**DATA PROVIDED**.
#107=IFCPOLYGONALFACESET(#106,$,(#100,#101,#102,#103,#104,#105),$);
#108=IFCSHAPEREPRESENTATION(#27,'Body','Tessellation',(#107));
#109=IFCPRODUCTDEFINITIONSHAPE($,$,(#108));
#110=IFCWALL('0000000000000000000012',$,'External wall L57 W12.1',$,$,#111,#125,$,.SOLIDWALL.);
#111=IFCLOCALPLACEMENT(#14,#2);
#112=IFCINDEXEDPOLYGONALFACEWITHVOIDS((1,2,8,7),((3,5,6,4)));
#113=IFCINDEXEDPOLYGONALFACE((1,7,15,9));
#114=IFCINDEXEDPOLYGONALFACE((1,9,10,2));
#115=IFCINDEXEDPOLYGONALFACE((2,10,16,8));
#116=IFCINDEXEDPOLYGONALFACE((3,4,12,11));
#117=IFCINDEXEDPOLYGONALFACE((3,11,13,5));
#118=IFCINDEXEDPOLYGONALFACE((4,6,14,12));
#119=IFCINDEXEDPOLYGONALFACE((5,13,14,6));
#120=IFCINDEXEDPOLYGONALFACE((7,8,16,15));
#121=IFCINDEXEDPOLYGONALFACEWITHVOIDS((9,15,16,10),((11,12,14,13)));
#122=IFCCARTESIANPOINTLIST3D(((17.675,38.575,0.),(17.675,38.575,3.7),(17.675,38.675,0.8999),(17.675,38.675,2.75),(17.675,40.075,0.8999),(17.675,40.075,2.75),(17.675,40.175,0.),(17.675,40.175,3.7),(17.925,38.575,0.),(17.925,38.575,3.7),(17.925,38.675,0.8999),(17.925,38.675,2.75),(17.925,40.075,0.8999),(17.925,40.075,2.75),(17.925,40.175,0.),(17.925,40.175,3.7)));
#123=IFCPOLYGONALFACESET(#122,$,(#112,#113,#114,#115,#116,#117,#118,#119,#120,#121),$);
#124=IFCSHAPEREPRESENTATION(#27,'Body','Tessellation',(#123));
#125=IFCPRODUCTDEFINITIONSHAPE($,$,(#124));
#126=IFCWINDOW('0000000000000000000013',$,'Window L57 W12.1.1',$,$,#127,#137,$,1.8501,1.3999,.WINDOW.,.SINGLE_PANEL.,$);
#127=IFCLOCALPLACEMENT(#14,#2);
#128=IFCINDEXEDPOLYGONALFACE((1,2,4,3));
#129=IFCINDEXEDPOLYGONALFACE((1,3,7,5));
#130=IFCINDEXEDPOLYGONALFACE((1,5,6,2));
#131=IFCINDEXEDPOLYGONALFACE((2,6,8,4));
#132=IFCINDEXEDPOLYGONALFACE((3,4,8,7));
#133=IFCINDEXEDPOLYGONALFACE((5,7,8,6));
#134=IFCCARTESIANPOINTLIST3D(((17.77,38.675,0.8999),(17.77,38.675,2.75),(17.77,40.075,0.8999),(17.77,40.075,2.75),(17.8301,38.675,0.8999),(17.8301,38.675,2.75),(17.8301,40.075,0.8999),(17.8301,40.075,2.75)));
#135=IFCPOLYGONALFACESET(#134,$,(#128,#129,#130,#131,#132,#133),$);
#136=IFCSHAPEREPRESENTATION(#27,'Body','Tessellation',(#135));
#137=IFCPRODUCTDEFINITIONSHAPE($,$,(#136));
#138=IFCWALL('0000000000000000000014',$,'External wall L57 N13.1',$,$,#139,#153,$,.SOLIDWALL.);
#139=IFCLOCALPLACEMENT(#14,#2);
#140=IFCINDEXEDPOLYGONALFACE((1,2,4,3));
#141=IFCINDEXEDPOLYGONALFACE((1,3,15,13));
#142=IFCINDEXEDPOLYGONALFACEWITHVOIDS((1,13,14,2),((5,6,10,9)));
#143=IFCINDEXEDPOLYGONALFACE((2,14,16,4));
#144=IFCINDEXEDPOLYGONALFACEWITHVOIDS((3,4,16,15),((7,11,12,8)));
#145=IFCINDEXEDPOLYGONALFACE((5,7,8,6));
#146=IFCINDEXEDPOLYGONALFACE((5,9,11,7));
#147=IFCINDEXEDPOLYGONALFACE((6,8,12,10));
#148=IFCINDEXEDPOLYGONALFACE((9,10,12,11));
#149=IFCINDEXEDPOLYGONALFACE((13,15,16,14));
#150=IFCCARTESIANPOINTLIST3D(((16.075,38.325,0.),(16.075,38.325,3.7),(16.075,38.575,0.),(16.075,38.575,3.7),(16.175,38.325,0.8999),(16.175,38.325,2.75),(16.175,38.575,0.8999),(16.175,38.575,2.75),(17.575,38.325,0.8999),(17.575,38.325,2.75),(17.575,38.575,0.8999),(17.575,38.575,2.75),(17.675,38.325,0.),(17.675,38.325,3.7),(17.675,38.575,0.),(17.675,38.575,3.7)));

**TRY IT**.
If a line in the records has the word "wall", copy that line.

**RESULT OF THE TASK**.
#110=IFCWALL('0000000000000000000012',$,'External wall L57 W12.1',$,$,#111,#125,$,.SOLIDWALL.);
#138=IFCWALL('0000000000000000000014',$,'External wall L57 N13.1',$,$,#139,#153,$,.SOLIDWALL.);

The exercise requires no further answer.